-- THE DATA --
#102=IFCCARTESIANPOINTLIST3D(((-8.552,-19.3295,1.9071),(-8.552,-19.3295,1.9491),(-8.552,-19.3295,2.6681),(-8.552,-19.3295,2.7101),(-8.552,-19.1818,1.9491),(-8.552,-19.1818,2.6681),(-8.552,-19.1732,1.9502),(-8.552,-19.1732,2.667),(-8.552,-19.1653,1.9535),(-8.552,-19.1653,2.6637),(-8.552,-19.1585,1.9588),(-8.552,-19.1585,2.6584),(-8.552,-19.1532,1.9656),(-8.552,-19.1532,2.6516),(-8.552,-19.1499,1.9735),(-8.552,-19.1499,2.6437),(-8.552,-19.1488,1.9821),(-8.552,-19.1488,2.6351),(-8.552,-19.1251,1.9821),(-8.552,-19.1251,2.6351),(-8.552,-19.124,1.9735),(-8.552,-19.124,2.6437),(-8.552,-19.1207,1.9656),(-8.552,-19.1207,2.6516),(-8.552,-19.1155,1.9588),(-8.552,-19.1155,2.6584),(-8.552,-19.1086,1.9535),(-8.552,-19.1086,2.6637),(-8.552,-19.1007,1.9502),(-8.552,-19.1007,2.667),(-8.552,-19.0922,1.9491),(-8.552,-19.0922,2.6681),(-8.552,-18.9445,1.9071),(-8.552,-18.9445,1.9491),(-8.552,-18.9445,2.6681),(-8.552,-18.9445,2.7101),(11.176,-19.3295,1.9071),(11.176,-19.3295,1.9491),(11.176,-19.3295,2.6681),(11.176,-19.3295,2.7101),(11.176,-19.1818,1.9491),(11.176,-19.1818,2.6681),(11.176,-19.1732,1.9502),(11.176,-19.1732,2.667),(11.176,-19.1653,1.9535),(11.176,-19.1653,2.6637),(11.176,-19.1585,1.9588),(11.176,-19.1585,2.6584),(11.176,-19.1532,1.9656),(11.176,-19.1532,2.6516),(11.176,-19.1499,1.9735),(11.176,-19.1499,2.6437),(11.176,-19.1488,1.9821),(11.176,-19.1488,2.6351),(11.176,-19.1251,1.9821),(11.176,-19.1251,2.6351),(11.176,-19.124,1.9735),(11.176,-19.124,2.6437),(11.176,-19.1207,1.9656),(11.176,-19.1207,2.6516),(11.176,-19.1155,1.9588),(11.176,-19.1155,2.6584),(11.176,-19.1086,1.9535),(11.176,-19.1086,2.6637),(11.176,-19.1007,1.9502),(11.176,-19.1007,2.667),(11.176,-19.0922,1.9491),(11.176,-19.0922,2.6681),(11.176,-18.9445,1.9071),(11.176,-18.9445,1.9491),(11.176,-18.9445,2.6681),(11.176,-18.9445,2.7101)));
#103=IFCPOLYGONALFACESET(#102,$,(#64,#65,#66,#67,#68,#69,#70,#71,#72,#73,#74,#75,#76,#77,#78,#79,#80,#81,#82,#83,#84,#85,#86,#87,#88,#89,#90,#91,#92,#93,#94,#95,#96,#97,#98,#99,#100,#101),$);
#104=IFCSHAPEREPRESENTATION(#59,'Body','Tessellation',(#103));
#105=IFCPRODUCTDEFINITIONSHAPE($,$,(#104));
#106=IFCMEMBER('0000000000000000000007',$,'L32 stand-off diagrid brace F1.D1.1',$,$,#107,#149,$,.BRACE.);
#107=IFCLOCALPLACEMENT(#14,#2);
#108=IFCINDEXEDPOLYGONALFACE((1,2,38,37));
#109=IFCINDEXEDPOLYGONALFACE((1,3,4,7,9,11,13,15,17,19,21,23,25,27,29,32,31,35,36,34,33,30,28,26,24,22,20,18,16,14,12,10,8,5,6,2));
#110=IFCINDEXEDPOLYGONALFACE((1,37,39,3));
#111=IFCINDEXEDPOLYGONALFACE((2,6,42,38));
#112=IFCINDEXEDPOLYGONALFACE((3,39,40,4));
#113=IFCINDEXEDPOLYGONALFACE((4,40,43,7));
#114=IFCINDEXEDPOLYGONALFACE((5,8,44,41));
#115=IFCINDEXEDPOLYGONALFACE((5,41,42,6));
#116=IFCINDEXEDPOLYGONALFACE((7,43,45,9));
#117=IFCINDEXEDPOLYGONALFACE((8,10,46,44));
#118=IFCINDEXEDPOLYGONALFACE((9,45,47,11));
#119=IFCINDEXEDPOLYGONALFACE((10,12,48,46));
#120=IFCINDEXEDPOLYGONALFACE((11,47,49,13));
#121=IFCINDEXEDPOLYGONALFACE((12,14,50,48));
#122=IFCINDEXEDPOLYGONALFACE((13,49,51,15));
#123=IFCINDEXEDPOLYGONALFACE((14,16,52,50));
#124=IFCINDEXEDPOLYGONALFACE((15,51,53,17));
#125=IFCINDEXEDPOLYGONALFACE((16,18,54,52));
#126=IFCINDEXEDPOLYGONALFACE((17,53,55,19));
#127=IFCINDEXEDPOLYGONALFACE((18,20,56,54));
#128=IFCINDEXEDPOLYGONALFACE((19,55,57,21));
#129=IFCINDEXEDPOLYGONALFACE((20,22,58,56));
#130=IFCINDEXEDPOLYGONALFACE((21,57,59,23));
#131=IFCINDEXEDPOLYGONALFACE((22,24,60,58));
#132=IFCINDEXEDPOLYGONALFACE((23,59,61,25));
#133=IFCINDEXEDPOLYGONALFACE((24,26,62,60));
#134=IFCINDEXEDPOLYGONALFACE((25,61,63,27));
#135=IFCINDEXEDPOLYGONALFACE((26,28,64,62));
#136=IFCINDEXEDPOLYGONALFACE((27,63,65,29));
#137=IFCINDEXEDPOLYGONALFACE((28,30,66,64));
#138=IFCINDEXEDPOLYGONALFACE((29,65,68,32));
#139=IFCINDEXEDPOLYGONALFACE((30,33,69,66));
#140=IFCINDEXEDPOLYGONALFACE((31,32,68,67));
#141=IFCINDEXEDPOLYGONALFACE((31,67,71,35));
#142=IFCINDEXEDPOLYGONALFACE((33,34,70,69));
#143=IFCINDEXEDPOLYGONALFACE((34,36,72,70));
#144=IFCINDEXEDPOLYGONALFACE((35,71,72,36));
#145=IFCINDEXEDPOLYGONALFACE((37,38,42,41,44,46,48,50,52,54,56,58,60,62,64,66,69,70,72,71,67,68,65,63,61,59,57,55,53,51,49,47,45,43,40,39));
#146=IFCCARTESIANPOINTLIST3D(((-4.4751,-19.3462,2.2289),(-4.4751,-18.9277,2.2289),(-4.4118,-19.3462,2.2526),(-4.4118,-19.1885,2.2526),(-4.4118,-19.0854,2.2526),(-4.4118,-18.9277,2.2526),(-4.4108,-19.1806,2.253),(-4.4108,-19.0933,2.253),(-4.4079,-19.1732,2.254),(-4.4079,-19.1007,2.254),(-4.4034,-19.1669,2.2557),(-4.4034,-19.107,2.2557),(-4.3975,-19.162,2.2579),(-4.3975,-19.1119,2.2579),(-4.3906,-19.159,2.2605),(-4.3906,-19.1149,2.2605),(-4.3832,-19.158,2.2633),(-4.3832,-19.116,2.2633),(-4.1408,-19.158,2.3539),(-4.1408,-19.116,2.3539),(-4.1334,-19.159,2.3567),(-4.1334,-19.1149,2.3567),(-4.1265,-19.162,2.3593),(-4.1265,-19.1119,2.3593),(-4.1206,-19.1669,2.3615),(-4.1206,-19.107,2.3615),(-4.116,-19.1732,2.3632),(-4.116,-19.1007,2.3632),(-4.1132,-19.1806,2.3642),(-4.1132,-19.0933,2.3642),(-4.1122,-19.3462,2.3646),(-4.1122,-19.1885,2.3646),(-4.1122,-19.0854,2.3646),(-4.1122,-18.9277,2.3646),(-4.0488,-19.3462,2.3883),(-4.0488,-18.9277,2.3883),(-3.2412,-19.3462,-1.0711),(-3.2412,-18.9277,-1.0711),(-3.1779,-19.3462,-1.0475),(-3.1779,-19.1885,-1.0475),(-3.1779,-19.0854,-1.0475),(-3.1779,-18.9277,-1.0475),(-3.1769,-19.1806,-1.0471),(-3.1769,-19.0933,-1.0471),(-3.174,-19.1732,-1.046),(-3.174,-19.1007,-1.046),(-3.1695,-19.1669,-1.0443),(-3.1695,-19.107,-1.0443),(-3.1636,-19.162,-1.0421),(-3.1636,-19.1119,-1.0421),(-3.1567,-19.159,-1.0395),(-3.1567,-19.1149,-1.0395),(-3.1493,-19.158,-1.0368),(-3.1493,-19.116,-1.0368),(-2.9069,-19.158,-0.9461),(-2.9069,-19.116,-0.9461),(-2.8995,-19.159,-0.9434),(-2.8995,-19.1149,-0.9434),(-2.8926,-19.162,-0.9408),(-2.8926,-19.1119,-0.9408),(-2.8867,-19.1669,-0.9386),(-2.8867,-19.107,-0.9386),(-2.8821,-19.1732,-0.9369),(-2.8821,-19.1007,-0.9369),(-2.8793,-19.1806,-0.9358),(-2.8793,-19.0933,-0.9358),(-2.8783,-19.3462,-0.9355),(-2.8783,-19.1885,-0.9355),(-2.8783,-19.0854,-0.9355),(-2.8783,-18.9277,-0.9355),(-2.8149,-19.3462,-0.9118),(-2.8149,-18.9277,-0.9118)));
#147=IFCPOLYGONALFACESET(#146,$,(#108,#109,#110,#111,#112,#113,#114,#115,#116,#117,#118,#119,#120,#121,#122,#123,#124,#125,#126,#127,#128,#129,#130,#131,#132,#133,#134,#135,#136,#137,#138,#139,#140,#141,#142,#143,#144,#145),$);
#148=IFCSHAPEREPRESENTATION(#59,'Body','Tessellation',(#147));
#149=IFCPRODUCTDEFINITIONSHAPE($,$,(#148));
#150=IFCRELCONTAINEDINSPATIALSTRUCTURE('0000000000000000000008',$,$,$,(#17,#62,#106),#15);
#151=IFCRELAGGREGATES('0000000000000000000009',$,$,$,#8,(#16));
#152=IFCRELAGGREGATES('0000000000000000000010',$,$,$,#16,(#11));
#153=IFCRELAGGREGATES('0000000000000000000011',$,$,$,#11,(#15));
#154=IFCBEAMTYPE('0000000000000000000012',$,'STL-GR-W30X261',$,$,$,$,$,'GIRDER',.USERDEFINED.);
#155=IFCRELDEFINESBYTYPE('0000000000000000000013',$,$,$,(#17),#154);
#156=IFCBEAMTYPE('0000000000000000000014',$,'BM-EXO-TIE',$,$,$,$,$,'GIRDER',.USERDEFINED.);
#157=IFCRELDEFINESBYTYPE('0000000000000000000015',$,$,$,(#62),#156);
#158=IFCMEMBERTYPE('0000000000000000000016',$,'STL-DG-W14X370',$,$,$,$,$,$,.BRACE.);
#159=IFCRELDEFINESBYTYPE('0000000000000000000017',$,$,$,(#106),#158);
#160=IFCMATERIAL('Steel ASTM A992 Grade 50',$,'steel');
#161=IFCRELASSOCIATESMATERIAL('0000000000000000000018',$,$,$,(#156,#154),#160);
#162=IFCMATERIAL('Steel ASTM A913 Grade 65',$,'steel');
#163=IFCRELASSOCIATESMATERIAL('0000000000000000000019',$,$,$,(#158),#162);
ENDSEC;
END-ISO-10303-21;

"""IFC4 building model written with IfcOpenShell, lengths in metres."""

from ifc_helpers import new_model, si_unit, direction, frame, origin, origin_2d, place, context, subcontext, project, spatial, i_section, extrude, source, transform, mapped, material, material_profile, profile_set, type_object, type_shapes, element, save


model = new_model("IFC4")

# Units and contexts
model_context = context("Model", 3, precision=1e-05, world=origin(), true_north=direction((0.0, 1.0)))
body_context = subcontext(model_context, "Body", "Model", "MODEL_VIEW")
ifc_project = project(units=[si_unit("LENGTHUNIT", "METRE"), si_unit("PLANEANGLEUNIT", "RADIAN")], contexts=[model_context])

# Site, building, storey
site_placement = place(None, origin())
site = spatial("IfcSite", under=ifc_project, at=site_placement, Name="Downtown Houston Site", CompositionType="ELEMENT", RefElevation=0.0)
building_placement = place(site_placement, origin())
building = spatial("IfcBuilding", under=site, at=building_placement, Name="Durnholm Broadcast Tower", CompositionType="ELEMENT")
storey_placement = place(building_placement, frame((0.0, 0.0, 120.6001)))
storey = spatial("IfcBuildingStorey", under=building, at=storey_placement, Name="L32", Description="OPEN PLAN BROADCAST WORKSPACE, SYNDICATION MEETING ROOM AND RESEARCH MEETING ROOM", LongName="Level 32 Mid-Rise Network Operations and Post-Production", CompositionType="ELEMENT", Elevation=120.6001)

-- WHAT THIS TASK INVOLVES --
In the listing above, locate the line containing "#126=IFCINDEXEDPOLYGONALFACE((17,53,55,19));" and the line containing "#134=IFCINDEXEDPOLYGONALFACE((25,61,63,27));". Extract those two lines and every line between them, exactly as written, and only those.

-- TASK RESULT --
#126=IFCINDEXEDPOLYGONALFACE((17,53,55,19));
#127=IFCINDEXEDPOLYGONALFACE((18,20,56,54));
#128=IFCINDEXEDPOLYGONALFACE((19,55,57,21));
#129=IFCINDEXEDPOLYGONALFACE((20,22,58,56));
#130=IFCINDEXEDPOLYGONALFACE((21,57,59,23));
#131=IFCINDEXEDPOLYGONALFACE((22,24,60,58));
#132=IFCINDEXEDPOLYGONALFACE((23,59,61,25));
#133=IFCINDEXEDPOLYGONALFACE((24,26,62,60));
#134=IFCINDEXEDPOLYGONALFACE((25,61,63,27));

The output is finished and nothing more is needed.